Problem statement:
How many lines in the data below include the word "Cairnveth"? State the number alone.

Data excerpts:
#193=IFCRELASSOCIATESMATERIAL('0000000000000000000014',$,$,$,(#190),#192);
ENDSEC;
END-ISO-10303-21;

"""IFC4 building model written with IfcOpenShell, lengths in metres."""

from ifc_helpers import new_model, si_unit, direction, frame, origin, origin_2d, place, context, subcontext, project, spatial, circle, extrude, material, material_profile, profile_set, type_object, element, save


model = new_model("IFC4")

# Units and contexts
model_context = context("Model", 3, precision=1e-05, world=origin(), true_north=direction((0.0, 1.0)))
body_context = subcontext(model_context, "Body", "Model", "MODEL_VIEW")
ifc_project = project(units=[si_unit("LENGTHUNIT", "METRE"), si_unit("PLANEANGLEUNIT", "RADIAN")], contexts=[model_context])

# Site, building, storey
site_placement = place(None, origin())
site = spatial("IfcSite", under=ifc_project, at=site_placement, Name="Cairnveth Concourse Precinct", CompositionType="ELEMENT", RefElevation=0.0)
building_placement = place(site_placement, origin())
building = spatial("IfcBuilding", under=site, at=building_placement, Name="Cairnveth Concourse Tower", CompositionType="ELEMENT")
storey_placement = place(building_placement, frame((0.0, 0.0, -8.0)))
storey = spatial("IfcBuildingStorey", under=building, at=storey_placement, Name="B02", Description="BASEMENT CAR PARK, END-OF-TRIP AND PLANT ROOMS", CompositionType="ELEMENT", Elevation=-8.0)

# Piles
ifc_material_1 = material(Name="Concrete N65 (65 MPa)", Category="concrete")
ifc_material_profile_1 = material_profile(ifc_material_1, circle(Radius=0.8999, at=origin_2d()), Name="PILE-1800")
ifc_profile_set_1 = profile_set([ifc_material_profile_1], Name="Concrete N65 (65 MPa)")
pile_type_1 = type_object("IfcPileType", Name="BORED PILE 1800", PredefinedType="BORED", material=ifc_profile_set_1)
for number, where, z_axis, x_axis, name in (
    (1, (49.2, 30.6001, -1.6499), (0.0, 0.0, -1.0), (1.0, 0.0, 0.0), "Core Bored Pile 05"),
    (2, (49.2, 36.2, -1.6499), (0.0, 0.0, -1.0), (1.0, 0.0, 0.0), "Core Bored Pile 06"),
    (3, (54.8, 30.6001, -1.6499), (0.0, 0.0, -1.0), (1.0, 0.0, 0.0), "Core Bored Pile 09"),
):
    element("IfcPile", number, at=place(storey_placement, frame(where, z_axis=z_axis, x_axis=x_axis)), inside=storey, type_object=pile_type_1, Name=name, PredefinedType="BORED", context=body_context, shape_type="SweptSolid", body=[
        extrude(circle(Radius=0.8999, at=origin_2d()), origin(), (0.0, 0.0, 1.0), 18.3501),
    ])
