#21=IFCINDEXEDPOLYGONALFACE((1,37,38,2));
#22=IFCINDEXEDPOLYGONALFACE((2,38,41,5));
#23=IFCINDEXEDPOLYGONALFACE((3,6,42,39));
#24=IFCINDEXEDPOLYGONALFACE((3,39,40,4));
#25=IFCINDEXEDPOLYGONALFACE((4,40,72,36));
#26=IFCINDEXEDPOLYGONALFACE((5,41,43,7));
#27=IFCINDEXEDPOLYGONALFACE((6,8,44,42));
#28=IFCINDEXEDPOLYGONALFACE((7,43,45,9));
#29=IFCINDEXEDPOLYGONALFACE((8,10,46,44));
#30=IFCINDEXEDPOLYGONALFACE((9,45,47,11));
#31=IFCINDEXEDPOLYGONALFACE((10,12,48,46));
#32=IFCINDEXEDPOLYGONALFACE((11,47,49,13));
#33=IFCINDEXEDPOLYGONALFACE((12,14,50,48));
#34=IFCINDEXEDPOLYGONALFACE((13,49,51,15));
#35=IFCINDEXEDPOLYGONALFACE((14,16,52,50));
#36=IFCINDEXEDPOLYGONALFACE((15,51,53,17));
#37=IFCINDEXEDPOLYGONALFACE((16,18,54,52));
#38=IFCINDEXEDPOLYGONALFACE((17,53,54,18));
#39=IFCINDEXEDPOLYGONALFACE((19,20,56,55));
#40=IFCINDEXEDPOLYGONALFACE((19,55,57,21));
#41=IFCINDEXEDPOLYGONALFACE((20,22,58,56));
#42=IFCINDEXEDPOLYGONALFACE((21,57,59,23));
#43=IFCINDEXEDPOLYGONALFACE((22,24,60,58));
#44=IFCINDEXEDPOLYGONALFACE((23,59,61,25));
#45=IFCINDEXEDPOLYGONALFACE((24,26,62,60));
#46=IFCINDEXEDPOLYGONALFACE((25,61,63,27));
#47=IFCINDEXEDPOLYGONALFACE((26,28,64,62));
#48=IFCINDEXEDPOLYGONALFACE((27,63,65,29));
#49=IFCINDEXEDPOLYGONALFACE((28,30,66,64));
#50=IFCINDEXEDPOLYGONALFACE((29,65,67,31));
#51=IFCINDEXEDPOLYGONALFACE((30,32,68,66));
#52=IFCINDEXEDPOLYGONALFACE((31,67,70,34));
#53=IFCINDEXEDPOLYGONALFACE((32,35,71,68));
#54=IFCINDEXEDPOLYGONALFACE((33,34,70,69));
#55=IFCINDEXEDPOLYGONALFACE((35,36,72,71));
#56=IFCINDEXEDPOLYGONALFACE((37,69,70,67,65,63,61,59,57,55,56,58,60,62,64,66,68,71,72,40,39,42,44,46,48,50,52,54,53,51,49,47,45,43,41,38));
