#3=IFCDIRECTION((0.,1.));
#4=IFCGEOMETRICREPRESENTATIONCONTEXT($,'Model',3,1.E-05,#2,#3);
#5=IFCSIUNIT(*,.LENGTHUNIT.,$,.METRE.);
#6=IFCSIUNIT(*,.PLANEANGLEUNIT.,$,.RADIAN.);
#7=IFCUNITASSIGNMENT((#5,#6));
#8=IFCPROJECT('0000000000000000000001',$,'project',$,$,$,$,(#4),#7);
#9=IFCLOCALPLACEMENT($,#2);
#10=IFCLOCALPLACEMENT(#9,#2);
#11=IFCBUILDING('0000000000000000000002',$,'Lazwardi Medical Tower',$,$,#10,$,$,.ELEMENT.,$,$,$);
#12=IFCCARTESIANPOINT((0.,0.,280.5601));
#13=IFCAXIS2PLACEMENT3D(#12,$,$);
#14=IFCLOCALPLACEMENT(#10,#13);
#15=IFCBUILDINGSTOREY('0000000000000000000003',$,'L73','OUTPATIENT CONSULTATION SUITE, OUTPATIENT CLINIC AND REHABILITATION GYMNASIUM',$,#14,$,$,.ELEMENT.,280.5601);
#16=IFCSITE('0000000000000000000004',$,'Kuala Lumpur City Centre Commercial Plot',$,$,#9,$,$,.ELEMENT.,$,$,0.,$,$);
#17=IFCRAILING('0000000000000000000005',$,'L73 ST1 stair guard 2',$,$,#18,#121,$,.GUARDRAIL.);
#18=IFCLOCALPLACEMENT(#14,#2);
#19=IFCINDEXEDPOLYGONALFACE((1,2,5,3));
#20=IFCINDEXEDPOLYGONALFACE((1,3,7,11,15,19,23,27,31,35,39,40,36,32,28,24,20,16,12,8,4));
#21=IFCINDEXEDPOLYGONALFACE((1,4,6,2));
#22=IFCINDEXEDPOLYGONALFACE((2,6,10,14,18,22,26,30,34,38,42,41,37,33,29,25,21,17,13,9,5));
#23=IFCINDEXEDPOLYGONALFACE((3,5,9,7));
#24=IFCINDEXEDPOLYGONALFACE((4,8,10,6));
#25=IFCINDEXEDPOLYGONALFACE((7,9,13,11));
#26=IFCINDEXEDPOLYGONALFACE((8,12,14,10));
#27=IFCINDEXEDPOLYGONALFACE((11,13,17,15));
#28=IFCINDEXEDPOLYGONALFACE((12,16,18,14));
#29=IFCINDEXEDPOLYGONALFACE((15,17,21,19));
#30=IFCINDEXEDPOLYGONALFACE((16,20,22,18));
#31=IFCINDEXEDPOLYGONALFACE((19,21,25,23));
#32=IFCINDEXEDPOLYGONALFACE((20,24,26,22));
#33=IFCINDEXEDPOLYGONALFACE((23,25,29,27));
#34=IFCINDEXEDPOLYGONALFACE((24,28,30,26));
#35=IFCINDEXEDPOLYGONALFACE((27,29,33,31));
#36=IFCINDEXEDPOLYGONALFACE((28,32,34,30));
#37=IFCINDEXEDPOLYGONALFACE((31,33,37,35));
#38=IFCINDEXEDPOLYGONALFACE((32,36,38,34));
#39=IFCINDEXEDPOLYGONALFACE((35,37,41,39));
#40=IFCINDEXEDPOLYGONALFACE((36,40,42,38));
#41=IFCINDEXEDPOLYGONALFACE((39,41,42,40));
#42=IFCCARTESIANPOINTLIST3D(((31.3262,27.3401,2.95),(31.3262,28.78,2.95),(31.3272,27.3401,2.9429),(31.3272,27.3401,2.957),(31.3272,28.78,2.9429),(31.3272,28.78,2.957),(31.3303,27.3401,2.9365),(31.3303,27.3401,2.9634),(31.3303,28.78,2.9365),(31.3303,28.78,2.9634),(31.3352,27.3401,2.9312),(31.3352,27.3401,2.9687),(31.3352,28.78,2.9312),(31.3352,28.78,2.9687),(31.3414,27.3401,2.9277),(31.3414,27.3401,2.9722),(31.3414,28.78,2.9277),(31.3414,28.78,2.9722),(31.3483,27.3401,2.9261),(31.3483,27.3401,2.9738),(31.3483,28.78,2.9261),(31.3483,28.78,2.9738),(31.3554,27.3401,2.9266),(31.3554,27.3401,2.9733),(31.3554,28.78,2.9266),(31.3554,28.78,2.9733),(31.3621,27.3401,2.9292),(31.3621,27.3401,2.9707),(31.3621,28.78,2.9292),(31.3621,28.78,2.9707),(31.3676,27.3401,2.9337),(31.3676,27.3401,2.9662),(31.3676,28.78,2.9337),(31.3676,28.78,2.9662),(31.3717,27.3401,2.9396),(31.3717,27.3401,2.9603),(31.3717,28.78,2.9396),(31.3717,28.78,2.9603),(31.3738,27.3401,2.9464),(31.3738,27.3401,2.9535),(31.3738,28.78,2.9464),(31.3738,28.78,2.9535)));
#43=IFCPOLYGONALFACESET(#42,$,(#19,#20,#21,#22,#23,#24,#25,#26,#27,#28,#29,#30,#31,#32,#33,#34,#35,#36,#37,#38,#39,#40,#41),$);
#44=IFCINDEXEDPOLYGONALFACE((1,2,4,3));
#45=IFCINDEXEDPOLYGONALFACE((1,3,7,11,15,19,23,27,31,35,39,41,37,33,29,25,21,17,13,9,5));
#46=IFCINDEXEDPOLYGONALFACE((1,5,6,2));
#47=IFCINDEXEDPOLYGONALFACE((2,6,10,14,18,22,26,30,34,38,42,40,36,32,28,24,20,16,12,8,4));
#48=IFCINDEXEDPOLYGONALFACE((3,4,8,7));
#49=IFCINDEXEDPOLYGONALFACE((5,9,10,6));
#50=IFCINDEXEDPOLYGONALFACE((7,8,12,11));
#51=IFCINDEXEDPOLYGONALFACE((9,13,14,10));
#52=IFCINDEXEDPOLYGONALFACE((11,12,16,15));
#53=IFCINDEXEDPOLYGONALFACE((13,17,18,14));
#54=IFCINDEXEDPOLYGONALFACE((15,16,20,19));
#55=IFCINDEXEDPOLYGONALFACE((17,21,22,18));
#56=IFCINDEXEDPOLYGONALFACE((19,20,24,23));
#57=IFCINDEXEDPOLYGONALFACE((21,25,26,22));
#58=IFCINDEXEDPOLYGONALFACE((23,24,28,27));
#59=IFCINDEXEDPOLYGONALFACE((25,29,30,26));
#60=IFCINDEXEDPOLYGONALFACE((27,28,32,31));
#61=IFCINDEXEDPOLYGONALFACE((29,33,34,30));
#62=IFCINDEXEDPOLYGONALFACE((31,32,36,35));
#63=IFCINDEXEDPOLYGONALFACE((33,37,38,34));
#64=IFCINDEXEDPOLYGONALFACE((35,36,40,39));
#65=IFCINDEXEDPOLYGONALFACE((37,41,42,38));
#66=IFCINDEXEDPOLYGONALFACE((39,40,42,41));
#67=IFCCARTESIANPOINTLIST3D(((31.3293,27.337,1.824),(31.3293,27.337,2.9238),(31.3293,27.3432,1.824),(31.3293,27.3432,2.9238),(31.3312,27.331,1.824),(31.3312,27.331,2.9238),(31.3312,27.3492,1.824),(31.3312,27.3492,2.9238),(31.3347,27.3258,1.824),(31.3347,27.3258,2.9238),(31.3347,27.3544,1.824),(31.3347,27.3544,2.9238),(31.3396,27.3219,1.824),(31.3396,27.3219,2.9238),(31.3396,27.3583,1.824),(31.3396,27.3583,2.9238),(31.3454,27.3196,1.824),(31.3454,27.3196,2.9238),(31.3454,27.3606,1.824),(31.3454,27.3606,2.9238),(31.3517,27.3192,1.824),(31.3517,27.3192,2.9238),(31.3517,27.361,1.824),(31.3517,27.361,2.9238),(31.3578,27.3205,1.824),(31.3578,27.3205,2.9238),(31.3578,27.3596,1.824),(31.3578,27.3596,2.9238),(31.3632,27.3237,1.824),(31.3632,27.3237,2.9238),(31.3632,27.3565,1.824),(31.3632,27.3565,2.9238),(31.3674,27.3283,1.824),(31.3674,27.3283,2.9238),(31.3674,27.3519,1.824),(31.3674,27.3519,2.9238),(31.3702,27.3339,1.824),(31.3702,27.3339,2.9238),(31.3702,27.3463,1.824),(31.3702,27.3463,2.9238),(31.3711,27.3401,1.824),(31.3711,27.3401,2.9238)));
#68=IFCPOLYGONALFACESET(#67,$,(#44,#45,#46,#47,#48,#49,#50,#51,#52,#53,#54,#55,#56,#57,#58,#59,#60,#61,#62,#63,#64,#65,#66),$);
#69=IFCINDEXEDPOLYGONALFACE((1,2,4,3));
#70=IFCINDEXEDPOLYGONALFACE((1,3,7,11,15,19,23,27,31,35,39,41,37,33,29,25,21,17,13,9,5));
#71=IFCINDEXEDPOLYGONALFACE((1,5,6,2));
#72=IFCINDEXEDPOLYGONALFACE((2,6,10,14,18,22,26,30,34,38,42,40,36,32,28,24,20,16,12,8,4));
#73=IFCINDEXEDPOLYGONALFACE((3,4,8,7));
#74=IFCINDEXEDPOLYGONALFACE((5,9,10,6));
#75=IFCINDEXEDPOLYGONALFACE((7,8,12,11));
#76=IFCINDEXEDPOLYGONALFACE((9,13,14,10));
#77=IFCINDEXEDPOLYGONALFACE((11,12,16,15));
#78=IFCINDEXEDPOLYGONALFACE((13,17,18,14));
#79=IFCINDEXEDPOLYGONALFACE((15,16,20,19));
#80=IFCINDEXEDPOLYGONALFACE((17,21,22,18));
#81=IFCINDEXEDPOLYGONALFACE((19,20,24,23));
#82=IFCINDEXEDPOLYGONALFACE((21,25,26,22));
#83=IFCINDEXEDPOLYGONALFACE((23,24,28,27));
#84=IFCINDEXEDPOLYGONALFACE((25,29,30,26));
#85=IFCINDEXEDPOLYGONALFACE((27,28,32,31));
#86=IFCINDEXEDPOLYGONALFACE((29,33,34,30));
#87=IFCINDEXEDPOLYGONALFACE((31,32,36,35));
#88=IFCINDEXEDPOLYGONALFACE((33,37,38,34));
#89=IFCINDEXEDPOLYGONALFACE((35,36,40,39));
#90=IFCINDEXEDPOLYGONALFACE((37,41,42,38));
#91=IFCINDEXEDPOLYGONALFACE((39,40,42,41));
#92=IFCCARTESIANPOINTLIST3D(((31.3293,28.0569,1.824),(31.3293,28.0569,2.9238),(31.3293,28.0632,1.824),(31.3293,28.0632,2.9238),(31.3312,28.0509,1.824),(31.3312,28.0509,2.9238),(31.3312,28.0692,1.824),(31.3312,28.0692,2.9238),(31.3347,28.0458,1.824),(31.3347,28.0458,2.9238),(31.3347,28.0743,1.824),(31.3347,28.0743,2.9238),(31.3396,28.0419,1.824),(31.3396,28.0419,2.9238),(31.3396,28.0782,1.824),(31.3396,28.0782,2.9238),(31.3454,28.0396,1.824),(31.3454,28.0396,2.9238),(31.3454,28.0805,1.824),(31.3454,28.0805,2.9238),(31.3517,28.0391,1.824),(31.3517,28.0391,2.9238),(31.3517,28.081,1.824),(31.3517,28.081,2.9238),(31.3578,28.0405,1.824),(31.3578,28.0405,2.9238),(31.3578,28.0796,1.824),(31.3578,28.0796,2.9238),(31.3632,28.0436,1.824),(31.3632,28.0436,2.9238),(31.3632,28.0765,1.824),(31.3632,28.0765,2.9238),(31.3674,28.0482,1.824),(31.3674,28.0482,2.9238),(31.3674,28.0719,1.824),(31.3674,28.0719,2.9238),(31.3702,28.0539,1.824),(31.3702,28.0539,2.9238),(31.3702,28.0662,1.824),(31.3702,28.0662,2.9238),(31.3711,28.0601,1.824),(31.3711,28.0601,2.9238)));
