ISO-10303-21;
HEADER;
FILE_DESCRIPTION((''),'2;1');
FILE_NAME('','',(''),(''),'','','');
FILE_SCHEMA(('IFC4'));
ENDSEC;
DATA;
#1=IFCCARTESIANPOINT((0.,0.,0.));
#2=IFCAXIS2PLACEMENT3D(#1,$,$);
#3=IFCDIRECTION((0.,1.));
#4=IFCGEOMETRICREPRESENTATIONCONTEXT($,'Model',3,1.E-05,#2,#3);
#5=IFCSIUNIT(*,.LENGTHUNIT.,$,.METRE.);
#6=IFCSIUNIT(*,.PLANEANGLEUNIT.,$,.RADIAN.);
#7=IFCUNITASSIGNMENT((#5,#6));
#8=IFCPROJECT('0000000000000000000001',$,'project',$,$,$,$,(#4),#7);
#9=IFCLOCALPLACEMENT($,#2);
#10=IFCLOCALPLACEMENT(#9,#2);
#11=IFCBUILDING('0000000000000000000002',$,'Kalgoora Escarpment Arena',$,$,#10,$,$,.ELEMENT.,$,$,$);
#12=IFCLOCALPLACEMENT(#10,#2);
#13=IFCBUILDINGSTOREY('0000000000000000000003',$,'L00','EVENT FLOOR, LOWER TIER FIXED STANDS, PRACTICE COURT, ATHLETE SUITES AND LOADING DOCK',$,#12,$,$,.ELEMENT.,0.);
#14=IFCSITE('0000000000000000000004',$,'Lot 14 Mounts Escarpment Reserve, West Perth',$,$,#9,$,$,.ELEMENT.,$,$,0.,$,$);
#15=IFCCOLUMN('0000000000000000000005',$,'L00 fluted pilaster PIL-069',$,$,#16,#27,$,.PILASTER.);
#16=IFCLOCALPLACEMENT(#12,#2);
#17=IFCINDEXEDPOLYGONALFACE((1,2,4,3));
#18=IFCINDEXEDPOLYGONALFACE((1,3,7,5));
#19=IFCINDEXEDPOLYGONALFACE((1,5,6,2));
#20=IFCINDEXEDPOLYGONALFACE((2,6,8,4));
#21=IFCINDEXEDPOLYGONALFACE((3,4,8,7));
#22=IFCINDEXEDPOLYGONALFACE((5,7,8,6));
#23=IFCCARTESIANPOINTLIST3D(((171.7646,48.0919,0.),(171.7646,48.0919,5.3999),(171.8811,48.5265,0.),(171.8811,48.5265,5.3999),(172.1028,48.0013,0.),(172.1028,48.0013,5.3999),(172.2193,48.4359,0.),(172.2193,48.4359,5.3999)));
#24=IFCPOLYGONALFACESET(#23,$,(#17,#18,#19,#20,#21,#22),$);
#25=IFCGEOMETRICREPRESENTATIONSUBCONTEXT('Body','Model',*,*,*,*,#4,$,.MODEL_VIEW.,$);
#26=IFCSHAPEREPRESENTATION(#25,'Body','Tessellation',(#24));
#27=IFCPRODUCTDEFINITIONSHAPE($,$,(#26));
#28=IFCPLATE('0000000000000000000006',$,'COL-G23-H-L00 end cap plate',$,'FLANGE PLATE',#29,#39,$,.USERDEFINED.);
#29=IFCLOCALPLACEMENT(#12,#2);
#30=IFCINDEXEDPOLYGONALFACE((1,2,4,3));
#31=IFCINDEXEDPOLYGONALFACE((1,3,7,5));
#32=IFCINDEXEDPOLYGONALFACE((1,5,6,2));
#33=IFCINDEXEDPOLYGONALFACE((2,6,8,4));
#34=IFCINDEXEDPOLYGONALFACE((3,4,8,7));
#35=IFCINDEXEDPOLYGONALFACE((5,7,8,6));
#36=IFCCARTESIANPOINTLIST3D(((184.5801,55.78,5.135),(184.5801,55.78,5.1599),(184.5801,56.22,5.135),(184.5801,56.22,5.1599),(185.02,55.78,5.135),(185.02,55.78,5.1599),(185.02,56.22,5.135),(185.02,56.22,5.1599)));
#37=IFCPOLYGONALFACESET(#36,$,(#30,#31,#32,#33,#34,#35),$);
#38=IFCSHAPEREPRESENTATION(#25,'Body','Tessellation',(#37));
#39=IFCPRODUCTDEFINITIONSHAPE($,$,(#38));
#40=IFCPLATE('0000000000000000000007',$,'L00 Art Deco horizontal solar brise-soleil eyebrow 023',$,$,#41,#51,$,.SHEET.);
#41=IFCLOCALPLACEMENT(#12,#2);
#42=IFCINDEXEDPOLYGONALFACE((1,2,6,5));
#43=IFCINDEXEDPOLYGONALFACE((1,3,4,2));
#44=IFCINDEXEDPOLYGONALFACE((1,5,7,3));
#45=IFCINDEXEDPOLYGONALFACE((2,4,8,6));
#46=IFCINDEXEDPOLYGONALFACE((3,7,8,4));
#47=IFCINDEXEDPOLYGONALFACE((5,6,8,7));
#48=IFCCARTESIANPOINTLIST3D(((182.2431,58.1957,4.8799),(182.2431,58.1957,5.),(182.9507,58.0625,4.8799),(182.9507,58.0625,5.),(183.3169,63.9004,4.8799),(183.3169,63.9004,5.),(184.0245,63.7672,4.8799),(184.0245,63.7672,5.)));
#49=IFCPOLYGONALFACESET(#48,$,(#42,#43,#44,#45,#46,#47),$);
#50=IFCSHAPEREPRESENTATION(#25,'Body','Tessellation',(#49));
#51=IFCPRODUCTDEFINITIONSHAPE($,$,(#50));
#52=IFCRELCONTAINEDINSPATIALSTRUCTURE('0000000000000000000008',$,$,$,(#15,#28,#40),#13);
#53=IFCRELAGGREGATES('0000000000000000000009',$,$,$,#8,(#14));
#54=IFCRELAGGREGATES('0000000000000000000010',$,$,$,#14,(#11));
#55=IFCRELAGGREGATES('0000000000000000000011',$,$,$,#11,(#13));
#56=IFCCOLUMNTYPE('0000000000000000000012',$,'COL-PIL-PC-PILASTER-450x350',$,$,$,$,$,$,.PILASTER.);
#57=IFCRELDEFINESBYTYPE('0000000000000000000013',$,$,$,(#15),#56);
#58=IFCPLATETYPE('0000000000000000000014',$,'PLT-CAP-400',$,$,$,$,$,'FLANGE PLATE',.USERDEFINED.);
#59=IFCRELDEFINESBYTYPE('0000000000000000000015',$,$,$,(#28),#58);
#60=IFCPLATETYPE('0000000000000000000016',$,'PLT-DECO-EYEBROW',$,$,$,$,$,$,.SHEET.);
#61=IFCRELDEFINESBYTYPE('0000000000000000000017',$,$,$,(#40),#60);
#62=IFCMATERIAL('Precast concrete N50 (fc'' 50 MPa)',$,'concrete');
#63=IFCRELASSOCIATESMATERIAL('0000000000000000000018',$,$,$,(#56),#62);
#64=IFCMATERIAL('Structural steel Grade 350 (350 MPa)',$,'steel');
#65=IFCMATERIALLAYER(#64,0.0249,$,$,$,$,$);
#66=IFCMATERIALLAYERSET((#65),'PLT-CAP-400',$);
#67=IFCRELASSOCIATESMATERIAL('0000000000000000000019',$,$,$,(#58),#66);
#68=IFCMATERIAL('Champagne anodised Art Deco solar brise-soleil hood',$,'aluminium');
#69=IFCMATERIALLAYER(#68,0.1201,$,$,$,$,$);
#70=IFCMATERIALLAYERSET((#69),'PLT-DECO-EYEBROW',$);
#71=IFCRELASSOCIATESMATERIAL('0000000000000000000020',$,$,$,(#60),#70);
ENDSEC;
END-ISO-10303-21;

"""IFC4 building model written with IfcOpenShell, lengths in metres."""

from ifc_helpers import new_model, si_unit, direction, frame, origin, origin_2d, place, context, subcontext, project, spatial, rectangle, extrude, material, layer, layer_set, material_profile, profile_set, type_object, element, save


model = new_model("IFC4")

# Units and contexts
model_context = context("Model", 3, precision=1e-05, world=origin(), true_north=direction((0.0, 1.0)))
body_context = subcontext(model_context, "Body", "Model", "MODEL_VIEW")
ifc_project = project(units=[si_unit("LENGTHUNIT", "METRE"), si_unit("PLANEANGLEUNIT", "RADIAN")], contexts=[model_context])

# Site, building, storey
site_placement = place(None, origin())
site = spatial("IfcSite", under=ifc_project, at=site_placement, Name="Lot 14 Mounts Escarpment Reserve, West Perth", CompositionType="ELEMENT", RefElevation=0.0)
building_placement = place(site_placement, origin())
building = spatial("IfcBuilding", under=site, at=building_placement, Name="Kalgoora Escarpment Arena", CompositionType="ELEMENT")
storey_placement = place(building_placement, origin())
storey = spatial("IfcBuildingStorey", under=building, at=storey_placement, Name="L00", Description="EVENT FLOOR, LOWER TIER FIXED STANDS, PRACTICE COURT, ATHLETE SUITES AND LOADING DOCK", CompositionType="ELEMENT", Elevation=0.0)

# Column
ifc_material_1 = material(Name="Precast concrete N50 (fc' 50 MPa)", Category="concrete")
ifc_material_profile_1 = material_profile(ifc_material_1, rectangle(XDim=0.3501, YDim=0.45, at=origin_2d()))
ifc_profile_set_1 = profile_set([ifc_material_profile_1], Name="Precast concrete N50 (fc' 50 MPa)")
column_type_1 = type_object("IfcColumnType", Name="COL-PIL-PC-PILASTER-450x350", PredefinedType="PILASTER", material=ifc_profile_set_1)
column_1_placement = place(storey_placement, frame((171.9919, 48.2639, 0.0), z_axis=(0.0, 0.0, 1.0), x_axis=(0.965926, -0.258819, 0.0)))
element("IfcColumn", 1, at=column_1_placement, inside=storey, type_object=column_type_1, Name="L00 fluted pilaster PIL-069", PredefinedType="PILASTER", context=body_context, shape_type="SweptSolid", body=[
    extrude(rectangle(XDim=0.3501, YDim=0.45, at=origin_2d()), origin(), (0.0, 0.0, 1.0), 5.3999),
])

# Plates
ifc_material_2 = material(Name="Structural steel Grade 350 (350 MPa)", Category="steel")
ifc_layer_1 = layer(ifc_material_2, 0.0249)
ifc_layer_set_1 = layer_set([ifc_layer_1], Name="PLT-CAP-400")
plate_type_1 = type_object("IfcPlateType", Name="PLT-CAP-400", ElementType="FLANGE PLATE", PredefinedType="USERDEFINED", material=ifc_layer_set_1)
plate_1_placement = place(storey_placement, frame((184.8, 56.0, 5.135), z_axis=(0.0, 0.0, 1.0), x_axis=(1.0, 0.0, 0.0)))
element("IfcPlate", 2, at=plate_1_placement, inside=storey, type_object=plate_type_1, Name="COL-G23-H-L00 end cap plate", ObjectType="FLANGE PLATE", PredefinedType="USERDEFINED", context=body_context, shape_type="SweptSolid", body=[
    extrude(rectangle(XDim=0.4399, YDim=0.4399, at=origin_2d()), origin(), (0.0, 0.0, 1.0), 0.0249),
])
ifc_material_3 = material(Name="Champagne anodised Art Deco solar brise-soleil hood", Category="aluminium")
ifc_layer_2 = layer(ifc_material_3, 0.1201)
ifc_layer_set_2 = layer_set([ifc_layer_2], Name="PLT-DECO-EYEBROW")
plate_type_2 = type_object("IfcPlateType", Name="PLT-DECO-EYEBROW", PredefinedType="SHEET", material=ifc_layer_set_2)
plate_2_placement = place(storey_placement, frame((183.1338, 60.9814, 4.8799), z_axis=(0.0, 0.0, 1.0), x_axis=(-0.184981, -0.982742, 0.0)))
element("IfcPlate", 3, at=plate_2_placement, inside=storey, type_object=plate_type_2, Name="L00 Art Deco horizontal solar brise-soleil eyebrow 023", PredefinedType="SHEET", context=body_context, shape_type="SweptSolid", body=[
    extrude(rectangle(XDim=5.8049, YDim=0.72, at=origin_2d()), origin(), (0.0, 0.0, 1.0), 0.1201),
])

save(model, "model.ifc")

Answer for the task:
2